Retype each entry below, keeping every character the same.

**** MATERIAL FOR THIS TASK ****

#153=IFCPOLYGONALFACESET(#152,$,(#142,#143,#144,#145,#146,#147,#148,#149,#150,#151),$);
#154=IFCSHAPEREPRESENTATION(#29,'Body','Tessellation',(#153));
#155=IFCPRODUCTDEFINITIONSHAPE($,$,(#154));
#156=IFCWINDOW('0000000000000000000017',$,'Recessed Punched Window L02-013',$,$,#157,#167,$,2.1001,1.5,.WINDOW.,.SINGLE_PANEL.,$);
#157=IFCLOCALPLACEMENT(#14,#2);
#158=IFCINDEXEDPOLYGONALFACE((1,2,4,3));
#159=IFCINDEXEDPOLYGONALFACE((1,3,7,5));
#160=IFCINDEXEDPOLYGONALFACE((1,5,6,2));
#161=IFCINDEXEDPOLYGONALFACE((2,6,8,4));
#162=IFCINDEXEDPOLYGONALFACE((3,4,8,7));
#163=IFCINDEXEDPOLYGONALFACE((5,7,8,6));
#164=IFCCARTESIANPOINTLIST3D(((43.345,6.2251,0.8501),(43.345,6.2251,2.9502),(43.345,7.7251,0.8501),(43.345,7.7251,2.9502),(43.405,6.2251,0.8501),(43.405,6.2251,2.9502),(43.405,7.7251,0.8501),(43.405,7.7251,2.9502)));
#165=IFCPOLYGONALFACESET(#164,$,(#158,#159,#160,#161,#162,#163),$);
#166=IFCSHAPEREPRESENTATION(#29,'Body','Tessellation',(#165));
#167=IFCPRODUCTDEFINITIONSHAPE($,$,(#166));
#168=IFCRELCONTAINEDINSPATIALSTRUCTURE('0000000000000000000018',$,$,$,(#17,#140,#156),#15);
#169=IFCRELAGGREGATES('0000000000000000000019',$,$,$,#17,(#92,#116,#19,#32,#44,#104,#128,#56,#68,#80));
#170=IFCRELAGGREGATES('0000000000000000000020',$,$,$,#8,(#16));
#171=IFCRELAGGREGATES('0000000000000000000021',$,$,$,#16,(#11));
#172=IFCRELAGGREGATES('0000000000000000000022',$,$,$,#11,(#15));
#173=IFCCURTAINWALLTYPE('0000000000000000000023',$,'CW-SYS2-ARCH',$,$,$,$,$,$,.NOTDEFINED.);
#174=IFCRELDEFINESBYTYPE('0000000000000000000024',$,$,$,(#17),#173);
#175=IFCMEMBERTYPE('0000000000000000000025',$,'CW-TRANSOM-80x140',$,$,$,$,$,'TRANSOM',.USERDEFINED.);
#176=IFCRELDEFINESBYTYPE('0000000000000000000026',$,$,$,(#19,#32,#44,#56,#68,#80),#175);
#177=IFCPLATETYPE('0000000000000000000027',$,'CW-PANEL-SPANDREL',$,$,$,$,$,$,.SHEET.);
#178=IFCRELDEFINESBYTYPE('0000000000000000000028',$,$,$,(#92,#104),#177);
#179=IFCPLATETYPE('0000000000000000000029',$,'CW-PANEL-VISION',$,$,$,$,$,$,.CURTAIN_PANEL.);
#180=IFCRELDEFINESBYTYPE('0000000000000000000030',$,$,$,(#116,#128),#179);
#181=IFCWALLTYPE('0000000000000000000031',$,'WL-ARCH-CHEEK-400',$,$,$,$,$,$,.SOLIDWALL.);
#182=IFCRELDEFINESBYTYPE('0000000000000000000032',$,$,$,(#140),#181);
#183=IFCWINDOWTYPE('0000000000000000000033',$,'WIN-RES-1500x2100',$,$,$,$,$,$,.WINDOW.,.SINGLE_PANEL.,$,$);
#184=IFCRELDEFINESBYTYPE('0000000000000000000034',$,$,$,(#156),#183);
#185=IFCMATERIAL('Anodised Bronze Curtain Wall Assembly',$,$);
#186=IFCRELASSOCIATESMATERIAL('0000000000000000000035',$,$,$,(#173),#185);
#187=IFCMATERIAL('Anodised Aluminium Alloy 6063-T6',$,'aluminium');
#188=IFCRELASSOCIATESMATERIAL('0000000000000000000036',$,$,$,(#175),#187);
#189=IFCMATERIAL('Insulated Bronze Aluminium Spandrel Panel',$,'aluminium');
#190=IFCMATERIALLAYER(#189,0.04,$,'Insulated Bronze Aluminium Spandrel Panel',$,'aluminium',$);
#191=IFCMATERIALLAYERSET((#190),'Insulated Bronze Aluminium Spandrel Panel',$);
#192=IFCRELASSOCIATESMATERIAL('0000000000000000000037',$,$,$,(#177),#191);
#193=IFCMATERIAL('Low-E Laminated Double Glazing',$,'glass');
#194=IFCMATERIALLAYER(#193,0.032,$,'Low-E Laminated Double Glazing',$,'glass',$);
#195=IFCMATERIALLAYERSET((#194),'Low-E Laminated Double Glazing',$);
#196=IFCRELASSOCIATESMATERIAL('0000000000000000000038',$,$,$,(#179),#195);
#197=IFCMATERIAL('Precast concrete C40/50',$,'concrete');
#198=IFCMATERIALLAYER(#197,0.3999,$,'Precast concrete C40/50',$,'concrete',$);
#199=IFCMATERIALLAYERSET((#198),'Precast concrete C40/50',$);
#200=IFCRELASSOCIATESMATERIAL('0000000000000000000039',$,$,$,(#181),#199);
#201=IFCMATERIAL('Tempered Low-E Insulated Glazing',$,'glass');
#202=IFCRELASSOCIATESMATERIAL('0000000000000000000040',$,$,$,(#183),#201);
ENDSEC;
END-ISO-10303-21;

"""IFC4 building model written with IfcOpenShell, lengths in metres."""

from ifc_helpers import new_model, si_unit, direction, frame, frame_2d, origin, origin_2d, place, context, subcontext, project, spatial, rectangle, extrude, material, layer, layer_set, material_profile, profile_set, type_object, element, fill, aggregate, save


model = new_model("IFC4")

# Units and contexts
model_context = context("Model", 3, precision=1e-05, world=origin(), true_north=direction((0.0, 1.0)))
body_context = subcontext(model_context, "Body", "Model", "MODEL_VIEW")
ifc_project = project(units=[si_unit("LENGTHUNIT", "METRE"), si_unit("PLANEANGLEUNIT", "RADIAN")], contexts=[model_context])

****

__EXERCISE OUTPUT__:
#153=IFCPOLYGONALFACESET(#152,$,(#142,#143,#144,#145,#146,#147,#148,#149,#150,#151),$);
#154=IFCSHAPEREPRESENTATION(#29,'Body','Tessellation',(#153));
#155=IFCPRODUCTDEFINITIONSHAPE($,$,(#154));
#156=IFCWINDOW('0000000000000000000017',$,'Recessed Punched Window L02-013',$,$,#157,#167,$,2.1001,1.5,.WINDOW.,.SINGLE_PANEL.,$);
#157=IFCLOCALPLACEMENT(#14,#2);
#158=IFCINDEXEDPOLYGONALFACE((1,2,4,3));
#159=IFCINDEXEDPOLYGONALFACE((1,3,7,5));
#160=IFCINDEXEDPOLYGONALFACE((1,5,6,2));
#161=IFCINDEXEDPOLYGONALFACE((2,6,8,4));
#162=IFCINDEXEDPOLYGONALFACE((3,4,8,7));
#163=IFCINDEXEDPOLYGONALFACE((5,7,8,6));
#164=IFCCARTESIANPOINTLIST3D(((43.345,6.2251,0.8501),(43.345,6.2251,2.9502),(43.345,7.7251,0.8501),(43.345,7.7251,2.9502),(43.405,6.2251,0.8501),(43.405,6.2251,2.9502),(43.405,7.7251,0.8501),(43.405,7.7251,2.9502)));
#165=IFCPOLYGONALFACESET(#164,$,(#158,#159,#160,#161,#162,#163),$);
#166=IFCSHAPEREPRESENTATION(#29,'Body','Tessellation',(#165));
#167=IFCPRODUCTDEFINITIONSHAPE($,$,(#166));
#168=IFCRELCONTAINEDINSPATIALSTRUCTURE('0000000000000000000018',$,$,$,(#17,#140,#156),#15);
#169=IFCRELAGGREGATES('0000000000000000000019',$,$,$,#17,(#92,#116,#19,#32,#44,#104,#128,#56,#68,#80));
#170=IFCRELAGGREGATES('0000000000000000000020',$,$,$,#8,(#16));
#171=IFCRELAGGREGATES('0000000000000000000021',$,$,$,#16,(#11));
#172=IFCRELAGGREGATES('0000000000000000000022',$,$,$,#11,(#15));
#173=IFCCURTAINWALLTYPE('0000000000000000000023',$,'CW-SYS2-ARCH',$,$,$,$,$,$,.NOTDEFINED.);
#174=IFCRELDEFINESBYTYPE('0000000000000000000024',$,$,$,(#17),#173);
#175=IFCMEMBERTYPE('0000000000000000000025',$,'CW-TRANSOM-80x140',$,$,$,$,$,'TRANSOM',.USERDEFINED.);
#176=IFCRELDEFINESBYTYPE('0000000000000000000026',$,$,$,(#19,#32,#44,#56,#68,#80),#175);
#177=IFCPLATETYPE('0000000000000000000027',$,'CW-PANEL-SPANDREL',$,$,$,$,$,$,.SHEET.);
#178=IFCRELDEFINESBYTYPE('0000000000000000000028',$,$,$,(#92,#104),#177);
#179=IFCPLATETYPE('0000000000000000000029',$,'CW-PANEL-VISION',$,$,$,$,$,$,.CURTAIN_PANEL.);
#180=IFCRELDEFINESBYTYPE('0000000000000000000030',$,$,$,(#116,#128),#179);
#181=IFCWALLTYPE('0000000000000000000031',$,'WL-ARCH-CHEEK-400',$,$,$,$,$,$,.SOLIDWALL.);
#182=IFCRELDEFINESBYTYPE('0000000000000000000032',$,$,$,(#140),#181);
#183=IFCWINDOWTYPE('0000000000000000000033',$,'WIN-RES-1500x2100',$,$,$,$,$,$,.WINDOW.,.SINGLE_PANEL.,$,$);
#184=IFCRELDEFINESBYTYPE('0000000000000000000034',$,$,$,(#156),#183);
#185=IFCMATERIAL('Anodised Bronze Curtain Wall Assembly',$,$);
#186=IFCRELASSOCIATESMATERIAL('0000000000000000000035',$,$,$,(#173),#185);
#187=IFCMATERIAL('Anodised Aluminium Alloy 6063-T6',$,'aluminium');
#188=IFCRELASSOCIATESMATERIAL('0000000000000000000036',$,$,$,(#175),#187);
#189=IFCMATERIAL('Insulated Bronze Aluminium Spandrel Panel',$,'aluminium');
#190=IFCMATERIALLAYER(#189,0.04,$,'Insulated Bronze Aluminium Spandrel Panel',$,'aluminium',$);
#191=IFCMATERIALLAYERSET((#190),'Insulated Bronze Aluminium Spandrel Panel',$);
#192=IFCRELASSOCIATESMATERIAL('0000000000000000000037',$,$,$,(#177),#191);
#193=IFCMATERIAL('Low-E Laminated Double Glazing',$,'glass');
#194=IFCMATERIALLAYER(#193,0.032,$,'Low-E Laminated Double Glazing',$,'glass',$);
#195=IFCMATERIALLAYERSET((#194),'Low-E Laminated Double Glazing',$);
#196=IFCRELASSOCIATESMATERIAL('0000000000000000000038',$,$,$,(#179),#195);
#197=IFCMATERIAL('Precast concrete C40/50',$,'concrete');
#198=IFCMATERIALLAYER(#197,0.3999,$,'Precast concrete C40/50',$,'concrete',$);
#199=IFCMATERIALLAYERSET((#198),'Precast concrete C40/50',$);
#200=IFCRELASSOCIATESMATERIAL('0000000000000000000039',$,$,$,(#181),#199);
#201=IFCMATERIAL('Tempered Low-E Insulated Glazing',$,'glass');
#202=IFCRELASSOCIATESMATERIAL('0000000000000000000040',$,$,$,(#183),#201);
ENDSEC;
END-ISO-10303-21;

"""IFC4 building model written with IfcOpenShell, lengths in metres."""

from ifc_helpers import new_model, si_unit, direction, frame, frame_2d, origin, origin_2d, place, context, subcontext, project, spatial, rectangle, extrude, material, layer, layer_set, material_profile, profile_set, type_object, element, fill, aggregate, save


model = new_model("IFC4")

# Units and contexts
model_context = context("Model", 3, precision=1e-05, world=origin(), true_north=direction((0.0, 1.0)))
body_context = subcontext(model_context, "Body", "Model", "MODEL_VIEW")
ifc_project = project(units=[si_unit("LENGTHUNIT", "METRE"), si_unit("PLANEANGLEUNIT", "RADIAN")], contexts=[model_context])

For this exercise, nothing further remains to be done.